§ Your objective:
Check each line of the entries below for the word "IFCRELAGGREGATES", and copy out the ones that have it.

Source records:
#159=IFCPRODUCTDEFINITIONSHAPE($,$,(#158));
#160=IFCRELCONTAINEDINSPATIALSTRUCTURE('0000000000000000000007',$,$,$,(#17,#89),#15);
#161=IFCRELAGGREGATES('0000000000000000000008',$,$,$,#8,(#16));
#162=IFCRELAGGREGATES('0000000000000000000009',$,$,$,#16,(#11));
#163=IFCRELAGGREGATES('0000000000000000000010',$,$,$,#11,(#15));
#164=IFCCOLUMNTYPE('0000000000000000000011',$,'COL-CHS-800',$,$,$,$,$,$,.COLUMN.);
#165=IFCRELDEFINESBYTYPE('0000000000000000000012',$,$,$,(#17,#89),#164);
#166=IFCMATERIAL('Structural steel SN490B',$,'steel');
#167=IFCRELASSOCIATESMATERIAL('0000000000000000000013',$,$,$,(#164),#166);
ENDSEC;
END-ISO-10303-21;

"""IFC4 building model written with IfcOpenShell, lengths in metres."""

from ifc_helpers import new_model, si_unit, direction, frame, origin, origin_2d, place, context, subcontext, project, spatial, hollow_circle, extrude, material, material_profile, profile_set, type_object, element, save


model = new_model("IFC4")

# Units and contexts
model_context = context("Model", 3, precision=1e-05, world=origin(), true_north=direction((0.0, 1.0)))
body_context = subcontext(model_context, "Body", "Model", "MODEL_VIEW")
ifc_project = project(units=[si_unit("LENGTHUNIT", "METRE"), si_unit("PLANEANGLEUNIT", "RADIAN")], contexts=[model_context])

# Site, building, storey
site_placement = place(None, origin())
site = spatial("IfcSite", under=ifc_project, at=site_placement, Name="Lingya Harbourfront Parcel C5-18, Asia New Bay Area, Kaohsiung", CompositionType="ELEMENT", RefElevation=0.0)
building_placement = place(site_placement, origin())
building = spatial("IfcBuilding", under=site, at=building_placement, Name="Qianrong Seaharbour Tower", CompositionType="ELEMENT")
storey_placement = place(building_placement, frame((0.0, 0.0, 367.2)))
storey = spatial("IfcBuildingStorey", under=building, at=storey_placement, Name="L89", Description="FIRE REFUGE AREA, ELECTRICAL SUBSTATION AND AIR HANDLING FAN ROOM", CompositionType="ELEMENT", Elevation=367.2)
...
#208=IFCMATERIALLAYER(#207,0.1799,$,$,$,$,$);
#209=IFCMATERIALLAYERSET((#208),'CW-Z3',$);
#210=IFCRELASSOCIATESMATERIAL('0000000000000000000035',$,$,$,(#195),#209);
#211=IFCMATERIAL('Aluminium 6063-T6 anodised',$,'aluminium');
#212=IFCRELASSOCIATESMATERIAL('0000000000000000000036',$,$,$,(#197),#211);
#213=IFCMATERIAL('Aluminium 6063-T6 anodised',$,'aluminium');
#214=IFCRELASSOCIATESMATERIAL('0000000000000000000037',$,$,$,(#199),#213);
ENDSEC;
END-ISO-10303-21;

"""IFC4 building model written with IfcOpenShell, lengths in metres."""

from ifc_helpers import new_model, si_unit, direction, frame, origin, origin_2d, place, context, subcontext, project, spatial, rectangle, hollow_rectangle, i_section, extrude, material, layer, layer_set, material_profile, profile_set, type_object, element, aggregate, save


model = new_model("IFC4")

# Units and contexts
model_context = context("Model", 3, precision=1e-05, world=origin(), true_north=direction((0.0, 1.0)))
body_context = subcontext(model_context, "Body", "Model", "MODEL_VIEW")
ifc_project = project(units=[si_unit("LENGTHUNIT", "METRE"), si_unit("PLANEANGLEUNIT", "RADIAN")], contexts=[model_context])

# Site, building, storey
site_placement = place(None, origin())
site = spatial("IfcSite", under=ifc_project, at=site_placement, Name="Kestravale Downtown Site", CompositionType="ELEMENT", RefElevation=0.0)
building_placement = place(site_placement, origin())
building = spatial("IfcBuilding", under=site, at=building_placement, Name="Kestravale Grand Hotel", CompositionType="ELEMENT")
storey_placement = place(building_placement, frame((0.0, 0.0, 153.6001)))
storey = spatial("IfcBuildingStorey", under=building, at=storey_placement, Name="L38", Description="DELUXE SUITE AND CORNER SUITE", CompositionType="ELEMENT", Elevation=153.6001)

§ Answer area:
#161=IFCRELAGGREGATES('0000000000000000000008',$,$,$,#8,(#16));
#162=IFCRELAGGREGATES('0000000000000000000009',$,$,$,#16,(#11));
#163=IFCRELAGGREGATES('0000000000000000000010',$,$,$,#11,(#15));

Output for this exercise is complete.